SUPPLIED DATA START
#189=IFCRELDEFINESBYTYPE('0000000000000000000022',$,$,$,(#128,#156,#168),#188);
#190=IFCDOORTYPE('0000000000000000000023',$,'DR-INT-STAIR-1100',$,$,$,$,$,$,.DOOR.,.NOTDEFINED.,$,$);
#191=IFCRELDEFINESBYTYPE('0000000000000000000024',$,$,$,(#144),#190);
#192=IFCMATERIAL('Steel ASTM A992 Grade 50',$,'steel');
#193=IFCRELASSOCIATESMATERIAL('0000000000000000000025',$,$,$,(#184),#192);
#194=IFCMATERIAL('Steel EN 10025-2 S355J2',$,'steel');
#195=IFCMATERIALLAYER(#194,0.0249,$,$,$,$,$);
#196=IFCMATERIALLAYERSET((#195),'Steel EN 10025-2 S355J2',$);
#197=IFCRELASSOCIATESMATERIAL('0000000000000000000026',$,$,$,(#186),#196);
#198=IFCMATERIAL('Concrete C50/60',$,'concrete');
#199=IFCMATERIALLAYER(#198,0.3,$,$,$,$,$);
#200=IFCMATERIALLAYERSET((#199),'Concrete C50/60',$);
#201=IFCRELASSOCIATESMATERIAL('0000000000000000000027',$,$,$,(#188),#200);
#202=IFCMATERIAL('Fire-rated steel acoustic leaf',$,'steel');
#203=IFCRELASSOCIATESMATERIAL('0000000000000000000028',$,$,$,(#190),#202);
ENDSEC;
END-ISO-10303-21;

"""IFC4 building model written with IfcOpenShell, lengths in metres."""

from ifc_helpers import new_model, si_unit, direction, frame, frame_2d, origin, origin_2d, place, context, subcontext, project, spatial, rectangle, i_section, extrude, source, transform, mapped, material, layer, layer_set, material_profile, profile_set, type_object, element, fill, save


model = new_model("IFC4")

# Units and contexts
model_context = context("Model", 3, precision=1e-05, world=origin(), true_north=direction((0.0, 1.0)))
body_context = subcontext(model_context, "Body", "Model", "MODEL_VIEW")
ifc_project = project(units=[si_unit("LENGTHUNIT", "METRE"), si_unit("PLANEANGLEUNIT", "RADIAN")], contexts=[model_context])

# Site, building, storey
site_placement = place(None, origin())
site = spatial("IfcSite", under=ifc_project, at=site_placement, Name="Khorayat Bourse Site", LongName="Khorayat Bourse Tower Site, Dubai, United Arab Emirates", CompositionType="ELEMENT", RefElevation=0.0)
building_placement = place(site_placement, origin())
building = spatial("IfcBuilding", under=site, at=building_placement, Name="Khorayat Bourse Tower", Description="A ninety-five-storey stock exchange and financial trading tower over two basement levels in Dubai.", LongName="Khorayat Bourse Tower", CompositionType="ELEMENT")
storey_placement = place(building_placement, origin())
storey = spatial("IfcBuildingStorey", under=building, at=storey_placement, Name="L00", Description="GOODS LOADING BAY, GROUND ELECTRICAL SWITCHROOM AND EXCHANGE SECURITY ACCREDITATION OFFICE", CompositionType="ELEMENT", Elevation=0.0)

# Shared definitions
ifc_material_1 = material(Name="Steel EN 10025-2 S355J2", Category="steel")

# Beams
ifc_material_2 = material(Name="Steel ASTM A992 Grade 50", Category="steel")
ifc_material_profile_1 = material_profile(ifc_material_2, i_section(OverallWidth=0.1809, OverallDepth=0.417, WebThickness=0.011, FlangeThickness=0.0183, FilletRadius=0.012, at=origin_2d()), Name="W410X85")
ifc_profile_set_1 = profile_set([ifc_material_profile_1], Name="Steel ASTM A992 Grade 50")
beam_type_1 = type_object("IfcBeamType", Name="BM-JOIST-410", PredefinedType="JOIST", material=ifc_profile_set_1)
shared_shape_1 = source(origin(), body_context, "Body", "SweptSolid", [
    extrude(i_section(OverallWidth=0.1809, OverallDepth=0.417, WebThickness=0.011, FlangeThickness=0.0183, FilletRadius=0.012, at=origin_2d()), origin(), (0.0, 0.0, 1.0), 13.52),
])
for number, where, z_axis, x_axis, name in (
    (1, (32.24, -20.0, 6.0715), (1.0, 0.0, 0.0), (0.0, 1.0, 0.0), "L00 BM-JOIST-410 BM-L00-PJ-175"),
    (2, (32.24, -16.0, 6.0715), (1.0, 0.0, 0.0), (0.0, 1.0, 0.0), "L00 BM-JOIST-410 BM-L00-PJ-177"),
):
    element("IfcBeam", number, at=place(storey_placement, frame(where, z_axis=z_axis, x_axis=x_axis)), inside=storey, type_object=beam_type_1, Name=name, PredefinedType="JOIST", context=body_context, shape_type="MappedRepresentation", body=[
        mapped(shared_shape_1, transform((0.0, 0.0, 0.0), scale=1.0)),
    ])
SUPPLIED DATA END
*BRIEF*. Check each line of the data above for the string "FlangeThickness", and copy the ones that have it.

*ANSWER SECTION*.
ifc_material_profile_1 = material_profile(ifc_material_2, i_section(OverallWidth=0.1809, OverallDepth=0.417, WebThickness=0.011, FlangeThickness=0.0183, FilletRadius=0.012, at=origin_2d()), Name="W410X85")
    extrude(i_section(OverallWidth=0.1809, OverallDepth=0.417, WebThickness=0.011, FlangeThickness=0.0183, FilletRadius=0.012, at=origin_2d()), origin(), (0.0, 0.0, 1.0), 13.52),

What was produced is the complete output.